What to work on:
Repeat exactly the lines of the entries below from the one with "#149=IFCINDEXEDPOLYGONALFACE((1,2,4,3));" through the one with "#154=IFCINDEXEDPOLYGONALFACE((5,7,8,6));", both ends included, and nothing else.

Stored data
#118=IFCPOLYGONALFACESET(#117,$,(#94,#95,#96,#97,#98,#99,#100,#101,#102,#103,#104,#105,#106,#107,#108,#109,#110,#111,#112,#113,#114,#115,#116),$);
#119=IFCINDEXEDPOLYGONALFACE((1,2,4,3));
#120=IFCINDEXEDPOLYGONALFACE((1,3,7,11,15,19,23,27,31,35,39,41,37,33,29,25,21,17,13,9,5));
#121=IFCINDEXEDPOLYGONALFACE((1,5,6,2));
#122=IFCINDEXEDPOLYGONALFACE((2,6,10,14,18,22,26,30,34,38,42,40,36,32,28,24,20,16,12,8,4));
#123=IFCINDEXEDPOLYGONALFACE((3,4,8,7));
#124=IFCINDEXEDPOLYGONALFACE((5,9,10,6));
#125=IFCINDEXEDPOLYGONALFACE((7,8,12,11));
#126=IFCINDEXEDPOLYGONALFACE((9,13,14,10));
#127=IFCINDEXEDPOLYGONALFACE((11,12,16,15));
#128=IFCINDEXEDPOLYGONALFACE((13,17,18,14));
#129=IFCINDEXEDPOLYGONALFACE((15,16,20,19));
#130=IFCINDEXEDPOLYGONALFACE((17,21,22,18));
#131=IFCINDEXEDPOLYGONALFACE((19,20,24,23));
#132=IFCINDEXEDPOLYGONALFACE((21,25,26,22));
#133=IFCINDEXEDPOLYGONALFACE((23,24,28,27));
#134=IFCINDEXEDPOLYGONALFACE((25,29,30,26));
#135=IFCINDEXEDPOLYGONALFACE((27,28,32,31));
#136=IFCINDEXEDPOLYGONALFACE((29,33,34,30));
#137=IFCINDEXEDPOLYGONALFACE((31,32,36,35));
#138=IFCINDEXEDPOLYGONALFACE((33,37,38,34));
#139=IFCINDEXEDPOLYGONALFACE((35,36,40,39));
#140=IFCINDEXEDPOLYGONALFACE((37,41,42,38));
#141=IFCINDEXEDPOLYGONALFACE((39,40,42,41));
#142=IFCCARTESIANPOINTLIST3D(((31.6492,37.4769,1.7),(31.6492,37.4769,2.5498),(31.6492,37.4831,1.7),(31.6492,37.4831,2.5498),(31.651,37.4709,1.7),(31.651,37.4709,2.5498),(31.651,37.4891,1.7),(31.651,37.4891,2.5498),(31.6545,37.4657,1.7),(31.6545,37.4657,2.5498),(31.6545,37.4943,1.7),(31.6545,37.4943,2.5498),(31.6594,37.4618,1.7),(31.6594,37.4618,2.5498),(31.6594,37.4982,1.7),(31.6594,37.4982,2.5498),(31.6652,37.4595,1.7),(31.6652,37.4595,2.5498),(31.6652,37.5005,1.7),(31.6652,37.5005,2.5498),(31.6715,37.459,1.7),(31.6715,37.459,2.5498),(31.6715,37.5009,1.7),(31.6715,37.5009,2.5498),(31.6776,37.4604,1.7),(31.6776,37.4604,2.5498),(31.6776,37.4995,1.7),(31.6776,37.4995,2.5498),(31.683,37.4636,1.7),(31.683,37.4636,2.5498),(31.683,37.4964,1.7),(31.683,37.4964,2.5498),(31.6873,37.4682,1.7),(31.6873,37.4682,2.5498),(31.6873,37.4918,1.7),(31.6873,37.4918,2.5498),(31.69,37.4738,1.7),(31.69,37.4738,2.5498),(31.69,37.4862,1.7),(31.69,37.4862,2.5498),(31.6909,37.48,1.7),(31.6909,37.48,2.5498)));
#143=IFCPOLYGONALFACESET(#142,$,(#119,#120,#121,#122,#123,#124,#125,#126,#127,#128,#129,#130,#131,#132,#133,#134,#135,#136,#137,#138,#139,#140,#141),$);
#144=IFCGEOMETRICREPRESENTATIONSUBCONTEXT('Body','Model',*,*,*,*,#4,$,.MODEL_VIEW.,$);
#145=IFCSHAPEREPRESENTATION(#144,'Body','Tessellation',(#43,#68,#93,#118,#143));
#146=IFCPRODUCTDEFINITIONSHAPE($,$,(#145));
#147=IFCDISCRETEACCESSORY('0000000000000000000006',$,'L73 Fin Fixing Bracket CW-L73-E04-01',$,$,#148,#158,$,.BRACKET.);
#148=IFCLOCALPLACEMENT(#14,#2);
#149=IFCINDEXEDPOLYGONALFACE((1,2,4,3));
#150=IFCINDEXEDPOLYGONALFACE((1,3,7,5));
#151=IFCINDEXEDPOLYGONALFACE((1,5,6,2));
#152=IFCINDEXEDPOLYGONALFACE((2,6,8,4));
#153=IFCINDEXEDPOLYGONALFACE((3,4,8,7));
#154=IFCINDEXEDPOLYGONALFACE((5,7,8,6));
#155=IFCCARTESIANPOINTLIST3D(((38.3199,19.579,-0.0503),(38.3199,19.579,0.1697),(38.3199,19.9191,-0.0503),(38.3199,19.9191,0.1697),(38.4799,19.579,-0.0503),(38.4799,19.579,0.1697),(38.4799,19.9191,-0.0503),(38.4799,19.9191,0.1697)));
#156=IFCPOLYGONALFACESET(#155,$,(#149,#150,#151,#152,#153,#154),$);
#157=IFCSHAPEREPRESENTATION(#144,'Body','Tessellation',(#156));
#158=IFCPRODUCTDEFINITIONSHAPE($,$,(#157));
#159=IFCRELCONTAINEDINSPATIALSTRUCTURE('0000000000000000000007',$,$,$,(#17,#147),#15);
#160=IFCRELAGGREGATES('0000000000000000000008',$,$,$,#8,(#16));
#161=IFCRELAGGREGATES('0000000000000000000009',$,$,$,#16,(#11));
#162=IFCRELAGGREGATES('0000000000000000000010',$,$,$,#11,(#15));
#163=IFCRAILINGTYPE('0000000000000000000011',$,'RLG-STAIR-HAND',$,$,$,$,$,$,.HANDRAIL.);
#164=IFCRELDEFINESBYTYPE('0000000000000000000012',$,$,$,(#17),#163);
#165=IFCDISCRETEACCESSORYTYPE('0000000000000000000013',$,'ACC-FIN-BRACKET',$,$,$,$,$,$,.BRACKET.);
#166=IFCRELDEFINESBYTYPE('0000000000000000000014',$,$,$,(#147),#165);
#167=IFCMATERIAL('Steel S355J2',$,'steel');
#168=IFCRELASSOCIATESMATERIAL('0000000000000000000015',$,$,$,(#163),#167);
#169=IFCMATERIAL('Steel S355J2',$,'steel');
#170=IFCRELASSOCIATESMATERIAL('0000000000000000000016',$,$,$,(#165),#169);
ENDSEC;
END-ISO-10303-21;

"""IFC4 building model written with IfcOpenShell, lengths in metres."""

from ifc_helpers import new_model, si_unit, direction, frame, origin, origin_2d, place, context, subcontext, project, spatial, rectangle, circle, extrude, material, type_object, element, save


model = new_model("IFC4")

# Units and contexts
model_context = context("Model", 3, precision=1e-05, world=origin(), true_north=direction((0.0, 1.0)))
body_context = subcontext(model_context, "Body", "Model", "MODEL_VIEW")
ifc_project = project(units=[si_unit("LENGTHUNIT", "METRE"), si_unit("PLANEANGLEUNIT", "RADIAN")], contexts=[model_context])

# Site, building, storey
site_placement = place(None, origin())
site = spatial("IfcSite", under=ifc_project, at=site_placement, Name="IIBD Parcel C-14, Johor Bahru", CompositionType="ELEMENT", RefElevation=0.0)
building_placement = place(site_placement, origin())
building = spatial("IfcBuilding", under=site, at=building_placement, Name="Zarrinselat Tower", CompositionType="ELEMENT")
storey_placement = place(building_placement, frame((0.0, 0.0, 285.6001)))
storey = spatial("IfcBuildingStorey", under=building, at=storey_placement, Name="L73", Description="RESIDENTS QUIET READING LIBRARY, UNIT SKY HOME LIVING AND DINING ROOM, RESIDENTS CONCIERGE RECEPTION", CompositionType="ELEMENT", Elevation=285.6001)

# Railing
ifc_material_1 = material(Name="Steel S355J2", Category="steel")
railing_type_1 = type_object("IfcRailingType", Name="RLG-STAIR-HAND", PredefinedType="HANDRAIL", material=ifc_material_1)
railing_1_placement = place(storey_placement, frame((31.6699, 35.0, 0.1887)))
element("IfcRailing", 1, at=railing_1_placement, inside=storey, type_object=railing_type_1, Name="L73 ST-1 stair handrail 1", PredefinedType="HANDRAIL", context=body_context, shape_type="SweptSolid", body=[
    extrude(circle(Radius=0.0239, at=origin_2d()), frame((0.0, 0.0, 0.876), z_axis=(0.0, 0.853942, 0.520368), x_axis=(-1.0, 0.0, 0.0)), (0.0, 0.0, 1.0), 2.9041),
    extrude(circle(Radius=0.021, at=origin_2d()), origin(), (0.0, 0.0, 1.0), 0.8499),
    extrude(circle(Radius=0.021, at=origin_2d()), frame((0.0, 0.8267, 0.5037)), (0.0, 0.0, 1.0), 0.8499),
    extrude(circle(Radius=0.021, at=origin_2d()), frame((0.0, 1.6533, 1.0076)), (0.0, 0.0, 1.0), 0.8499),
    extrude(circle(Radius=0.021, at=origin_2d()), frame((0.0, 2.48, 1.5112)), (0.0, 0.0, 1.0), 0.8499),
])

Reply to the exercise:
#149=IFCINDEXEDPOLYGONALFACE((1,2,4,3));
#150=IFCINDEXEDPOLYGONALFACE((1,3,7,5));
#151=IFCINDEXEDPOLYGONALFACE((1,5,6,2));
#152=IFCINDEXEDPOLYGONALFACE((2,6,8,4));
#153=IFCINDEXEDPOLYGONALFACE((3,4,8,7));
#154=IFCINDEXEDPOLYGONALFACE((5,7,8,6));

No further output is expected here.